= Data provided =
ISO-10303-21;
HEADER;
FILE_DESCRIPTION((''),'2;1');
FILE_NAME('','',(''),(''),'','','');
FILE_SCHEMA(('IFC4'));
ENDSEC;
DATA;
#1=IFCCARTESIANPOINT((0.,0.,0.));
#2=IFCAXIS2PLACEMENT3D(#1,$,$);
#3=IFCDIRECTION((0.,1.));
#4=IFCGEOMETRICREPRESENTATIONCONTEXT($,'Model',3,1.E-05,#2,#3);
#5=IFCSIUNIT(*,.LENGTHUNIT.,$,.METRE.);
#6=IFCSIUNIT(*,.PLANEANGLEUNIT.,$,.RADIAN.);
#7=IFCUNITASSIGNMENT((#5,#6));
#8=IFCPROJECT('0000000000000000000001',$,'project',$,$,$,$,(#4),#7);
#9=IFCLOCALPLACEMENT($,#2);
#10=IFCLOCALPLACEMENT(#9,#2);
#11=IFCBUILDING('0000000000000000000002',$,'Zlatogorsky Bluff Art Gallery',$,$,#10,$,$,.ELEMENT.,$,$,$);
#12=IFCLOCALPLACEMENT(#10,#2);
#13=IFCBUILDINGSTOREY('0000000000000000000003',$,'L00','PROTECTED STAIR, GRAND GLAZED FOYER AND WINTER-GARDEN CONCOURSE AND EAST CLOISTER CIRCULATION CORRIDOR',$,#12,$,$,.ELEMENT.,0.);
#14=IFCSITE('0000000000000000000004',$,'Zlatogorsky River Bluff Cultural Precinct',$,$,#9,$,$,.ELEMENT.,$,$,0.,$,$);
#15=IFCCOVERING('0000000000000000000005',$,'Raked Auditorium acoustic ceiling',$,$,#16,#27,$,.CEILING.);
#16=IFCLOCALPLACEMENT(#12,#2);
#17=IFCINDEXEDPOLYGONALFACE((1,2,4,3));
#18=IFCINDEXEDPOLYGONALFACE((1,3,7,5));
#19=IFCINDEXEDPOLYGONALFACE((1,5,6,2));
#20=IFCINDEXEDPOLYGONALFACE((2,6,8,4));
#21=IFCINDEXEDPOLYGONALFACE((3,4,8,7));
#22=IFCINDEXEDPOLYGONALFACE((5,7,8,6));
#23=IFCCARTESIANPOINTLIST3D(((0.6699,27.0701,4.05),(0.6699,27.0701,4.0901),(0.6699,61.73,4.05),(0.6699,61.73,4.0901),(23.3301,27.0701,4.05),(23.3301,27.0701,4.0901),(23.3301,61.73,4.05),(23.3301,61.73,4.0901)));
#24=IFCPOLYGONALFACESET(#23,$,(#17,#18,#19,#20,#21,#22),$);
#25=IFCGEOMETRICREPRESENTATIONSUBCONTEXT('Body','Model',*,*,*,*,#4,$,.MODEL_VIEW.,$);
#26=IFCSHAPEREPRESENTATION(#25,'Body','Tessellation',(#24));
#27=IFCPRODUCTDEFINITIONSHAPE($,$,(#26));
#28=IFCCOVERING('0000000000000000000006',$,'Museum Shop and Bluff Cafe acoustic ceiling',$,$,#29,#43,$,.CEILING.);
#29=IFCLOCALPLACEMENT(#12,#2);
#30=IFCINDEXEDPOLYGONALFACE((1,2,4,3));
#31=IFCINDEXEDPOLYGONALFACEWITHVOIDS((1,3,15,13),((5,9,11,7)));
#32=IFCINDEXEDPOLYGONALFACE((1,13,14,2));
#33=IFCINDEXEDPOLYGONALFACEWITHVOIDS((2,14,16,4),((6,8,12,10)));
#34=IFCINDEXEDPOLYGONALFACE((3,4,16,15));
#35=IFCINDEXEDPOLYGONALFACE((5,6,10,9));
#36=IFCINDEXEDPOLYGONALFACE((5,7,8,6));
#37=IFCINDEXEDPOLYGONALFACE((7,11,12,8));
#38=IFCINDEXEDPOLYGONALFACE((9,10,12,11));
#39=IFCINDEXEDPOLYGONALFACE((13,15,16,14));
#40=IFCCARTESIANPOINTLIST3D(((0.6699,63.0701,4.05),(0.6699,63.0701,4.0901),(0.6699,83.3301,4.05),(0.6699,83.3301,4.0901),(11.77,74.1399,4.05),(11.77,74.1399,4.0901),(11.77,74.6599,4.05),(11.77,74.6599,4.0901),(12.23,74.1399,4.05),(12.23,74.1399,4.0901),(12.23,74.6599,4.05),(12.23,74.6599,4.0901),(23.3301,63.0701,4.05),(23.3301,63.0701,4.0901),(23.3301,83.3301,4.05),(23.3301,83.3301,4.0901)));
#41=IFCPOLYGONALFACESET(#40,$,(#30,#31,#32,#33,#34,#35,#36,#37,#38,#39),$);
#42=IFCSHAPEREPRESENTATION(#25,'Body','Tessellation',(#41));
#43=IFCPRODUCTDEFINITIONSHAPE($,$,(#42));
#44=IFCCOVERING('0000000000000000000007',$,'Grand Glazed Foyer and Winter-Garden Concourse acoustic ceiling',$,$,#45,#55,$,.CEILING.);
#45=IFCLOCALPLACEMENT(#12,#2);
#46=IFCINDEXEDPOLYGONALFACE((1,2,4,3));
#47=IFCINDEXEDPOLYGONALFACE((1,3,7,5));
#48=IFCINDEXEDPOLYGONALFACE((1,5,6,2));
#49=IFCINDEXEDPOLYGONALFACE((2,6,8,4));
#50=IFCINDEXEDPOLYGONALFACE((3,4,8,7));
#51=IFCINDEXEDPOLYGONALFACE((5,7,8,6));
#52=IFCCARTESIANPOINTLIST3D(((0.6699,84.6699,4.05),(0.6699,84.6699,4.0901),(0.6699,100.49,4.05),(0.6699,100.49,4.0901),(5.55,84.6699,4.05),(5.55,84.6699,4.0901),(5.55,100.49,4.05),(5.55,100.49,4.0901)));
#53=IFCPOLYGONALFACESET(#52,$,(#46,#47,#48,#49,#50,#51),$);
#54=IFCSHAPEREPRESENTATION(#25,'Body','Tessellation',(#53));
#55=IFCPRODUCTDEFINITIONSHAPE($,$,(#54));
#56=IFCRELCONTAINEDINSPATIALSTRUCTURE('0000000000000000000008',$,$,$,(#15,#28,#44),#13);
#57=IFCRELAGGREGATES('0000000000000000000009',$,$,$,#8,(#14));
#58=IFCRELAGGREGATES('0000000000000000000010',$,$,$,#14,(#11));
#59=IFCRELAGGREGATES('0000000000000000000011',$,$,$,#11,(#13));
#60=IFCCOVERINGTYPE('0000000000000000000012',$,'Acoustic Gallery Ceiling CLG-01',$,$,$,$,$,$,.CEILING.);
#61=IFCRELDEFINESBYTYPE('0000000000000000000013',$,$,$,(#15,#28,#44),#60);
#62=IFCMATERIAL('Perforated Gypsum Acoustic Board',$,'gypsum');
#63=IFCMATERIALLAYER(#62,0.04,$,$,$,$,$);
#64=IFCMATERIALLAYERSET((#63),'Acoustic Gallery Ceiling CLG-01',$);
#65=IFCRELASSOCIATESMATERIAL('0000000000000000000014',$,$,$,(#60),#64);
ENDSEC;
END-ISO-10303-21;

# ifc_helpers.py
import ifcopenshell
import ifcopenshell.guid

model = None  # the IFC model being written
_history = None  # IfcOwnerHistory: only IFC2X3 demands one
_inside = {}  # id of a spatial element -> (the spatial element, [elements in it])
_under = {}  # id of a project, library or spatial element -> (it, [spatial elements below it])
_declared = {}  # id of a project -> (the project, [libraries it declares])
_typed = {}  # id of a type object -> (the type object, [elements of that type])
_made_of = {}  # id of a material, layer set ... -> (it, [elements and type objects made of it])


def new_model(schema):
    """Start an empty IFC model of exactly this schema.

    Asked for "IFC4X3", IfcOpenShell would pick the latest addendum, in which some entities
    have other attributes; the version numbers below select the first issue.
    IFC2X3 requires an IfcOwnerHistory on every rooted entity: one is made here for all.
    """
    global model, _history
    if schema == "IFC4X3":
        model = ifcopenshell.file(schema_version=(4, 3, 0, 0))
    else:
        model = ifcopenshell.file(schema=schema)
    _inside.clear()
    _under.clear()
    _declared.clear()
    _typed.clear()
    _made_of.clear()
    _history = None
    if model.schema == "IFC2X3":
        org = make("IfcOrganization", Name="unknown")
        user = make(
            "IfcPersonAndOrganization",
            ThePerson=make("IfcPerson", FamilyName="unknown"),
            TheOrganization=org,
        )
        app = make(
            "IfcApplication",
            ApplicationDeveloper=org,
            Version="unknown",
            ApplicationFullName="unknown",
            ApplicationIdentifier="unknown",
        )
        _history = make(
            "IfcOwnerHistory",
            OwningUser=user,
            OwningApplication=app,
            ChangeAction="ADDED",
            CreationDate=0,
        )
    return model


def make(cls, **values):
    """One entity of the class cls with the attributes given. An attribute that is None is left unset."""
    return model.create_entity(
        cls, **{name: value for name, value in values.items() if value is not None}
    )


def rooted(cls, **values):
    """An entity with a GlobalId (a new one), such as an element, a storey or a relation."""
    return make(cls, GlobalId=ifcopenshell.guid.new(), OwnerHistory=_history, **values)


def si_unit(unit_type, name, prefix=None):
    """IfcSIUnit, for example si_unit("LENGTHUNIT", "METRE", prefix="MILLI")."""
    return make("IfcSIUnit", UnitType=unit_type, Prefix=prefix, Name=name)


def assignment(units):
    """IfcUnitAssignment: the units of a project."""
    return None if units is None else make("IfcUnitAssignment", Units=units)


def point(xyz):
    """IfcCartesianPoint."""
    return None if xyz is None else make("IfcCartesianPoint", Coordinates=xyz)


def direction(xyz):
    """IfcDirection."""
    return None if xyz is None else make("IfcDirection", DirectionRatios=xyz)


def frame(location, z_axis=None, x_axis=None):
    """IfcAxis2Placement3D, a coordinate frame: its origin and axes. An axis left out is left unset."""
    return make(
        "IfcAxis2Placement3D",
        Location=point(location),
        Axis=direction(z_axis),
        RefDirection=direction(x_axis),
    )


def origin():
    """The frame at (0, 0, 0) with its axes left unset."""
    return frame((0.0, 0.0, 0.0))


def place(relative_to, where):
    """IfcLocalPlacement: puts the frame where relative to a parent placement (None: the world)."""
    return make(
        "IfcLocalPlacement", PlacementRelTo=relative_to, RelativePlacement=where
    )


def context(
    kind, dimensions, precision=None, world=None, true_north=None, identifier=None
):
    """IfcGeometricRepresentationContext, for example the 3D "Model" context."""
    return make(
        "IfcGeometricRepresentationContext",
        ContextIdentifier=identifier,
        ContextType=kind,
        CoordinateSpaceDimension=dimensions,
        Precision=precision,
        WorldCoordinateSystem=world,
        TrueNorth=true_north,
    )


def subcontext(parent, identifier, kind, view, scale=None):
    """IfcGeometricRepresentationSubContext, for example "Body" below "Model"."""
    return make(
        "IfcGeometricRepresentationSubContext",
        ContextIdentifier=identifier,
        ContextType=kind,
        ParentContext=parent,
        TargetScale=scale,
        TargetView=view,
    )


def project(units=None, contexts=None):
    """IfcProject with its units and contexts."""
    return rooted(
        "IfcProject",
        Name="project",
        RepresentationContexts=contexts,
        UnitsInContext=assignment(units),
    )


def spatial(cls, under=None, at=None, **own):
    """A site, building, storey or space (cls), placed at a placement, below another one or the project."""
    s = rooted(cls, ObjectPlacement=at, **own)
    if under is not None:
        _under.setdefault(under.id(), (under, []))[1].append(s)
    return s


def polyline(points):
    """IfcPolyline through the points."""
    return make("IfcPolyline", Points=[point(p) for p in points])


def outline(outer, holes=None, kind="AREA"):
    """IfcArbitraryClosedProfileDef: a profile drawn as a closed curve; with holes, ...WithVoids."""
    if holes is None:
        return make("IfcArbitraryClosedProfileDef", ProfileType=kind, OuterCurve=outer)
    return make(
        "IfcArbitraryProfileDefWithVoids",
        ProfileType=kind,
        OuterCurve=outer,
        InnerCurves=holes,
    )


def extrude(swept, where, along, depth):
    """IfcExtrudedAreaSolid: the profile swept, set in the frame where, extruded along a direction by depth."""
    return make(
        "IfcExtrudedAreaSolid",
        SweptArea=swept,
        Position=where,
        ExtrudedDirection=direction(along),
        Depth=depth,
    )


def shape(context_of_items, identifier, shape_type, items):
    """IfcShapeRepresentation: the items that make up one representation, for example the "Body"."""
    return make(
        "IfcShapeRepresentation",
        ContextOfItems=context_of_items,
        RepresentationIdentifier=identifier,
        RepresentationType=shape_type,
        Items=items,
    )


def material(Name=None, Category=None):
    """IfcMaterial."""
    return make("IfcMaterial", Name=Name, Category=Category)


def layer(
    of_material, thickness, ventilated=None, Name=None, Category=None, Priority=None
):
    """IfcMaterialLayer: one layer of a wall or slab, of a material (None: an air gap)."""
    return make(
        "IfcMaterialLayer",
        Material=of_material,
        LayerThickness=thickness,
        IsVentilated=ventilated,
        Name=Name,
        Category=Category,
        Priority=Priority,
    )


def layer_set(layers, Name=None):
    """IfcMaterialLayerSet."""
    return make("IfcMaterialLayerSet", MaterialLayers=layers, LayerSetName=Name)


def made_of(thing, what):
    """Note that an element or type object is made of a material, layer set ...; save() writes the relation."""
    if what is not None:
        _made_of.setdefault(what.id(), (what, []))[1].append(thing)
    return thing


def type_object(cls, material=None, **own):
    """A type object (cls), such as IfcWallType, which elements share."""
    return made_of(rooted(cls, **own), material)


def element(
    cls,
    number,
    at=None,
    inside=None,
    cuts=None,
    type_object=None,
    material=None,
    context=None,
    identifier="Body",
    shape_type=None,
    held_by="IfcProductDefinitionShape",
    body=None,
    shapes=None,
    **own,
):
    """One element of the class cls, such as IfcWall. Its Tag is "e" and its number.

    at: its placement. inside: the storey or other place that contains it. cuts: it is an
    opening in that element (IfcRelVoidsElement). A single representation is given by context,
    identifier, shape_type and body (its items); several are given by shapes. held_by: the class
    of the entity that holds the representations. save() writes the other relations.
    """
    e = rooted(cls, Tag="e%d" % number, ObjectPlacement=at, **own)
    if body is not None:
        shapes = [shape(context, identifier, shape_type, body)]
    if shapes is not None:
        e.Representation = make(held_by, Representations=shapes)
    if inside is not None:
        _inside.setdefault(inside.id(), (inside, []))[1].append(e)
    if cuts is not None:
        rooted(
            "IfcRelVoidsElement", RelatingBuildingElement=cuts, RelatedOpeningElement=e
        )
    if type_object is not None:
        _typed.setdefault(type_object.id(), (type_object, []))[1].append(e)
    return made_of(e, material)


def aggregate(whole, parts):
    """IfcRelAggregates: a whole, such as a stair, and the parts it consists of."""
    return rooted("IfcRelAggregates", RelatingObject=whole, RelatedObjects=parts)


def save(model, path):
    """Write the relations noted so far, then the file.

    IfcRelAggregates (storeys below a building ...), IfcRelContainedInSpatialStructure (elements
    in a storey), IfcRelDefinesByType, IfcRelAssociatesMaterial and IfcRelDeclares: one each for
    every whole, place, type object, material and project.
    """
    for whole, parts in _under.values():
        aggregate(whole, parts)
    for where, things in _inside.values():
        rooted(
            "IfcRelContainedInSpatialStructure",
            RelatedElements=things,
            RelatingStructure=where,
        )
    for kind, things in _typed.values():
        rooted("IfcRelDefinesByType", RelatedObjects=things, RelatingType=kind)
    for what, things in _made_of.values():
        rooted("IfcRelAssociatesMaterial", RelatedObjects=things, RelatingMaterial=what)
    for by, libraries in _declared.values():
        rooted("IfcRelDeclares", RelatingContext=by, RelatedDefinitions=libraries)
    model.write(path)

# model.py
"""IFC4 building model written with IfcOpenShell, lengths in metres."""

from ifc_helpers import new_model, si_unit, direction, frame, origin, place, context, subcontext, project, spatial, polyline, outline, extrude, material, layer, layer_set, type_object, element, save


model = new_model("IFC4")

# Units and contexts
model_context = context("Model", 3, precision=1e-05, world=origin(), true_north=direction((0.0, 1.0)))
body_context = subcontext(model_context, "Body", "Model", "MODEL_VIEW")
ifc_project = project(units=[si_unit("LENGTHUNIT", "METRE"), si_unit("PLANEANGLEUNIT", "RADIAN")], contexts=[model_context])

# Site, building, storey
site_placement = place(None, origin())
site = spatial("IfcSite", under=ifc_project, at=site_placement, Name="Zlatogorsky River Bluff Cultural Precinct", CompositionType="ELEMENT", RefElevation=0.0)
building_placement = place(site_placement, origin())
building = spatial("IfcBuilding", under=site, at=building_placement, Name="Zlatogorsky Bluff Art Gallery", CompositionType="ELEMENT")
storey_placement = place(building_placement, origin())
storey = spatial("IfcBuildingStorey", under=building, at=storey_placement, Name="L00", Description="PROTECTED STAIR, GRAND GLAZED FOYER AND WINTER-GARDEN CONCOURSE AND EAST CLOISTER CIRCULATION CORRIDOR", CompositionType="ELEMENT", Elevation=0.0)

= Exercise =
Wherever the string "IFCINDEXEDPOLYGONALFACEWITHVOIDS" appears in a line above, copy that line.

= Result =
#31=IFCINDEXEDPOLYGONALFACEWITHVOIDS((1,3,15,13),((5,9,11,7)));
#33=IFCINDEXEDPOLYGONALFACEWITHVOIDS((2,14,16,4),((6,8,12,10)));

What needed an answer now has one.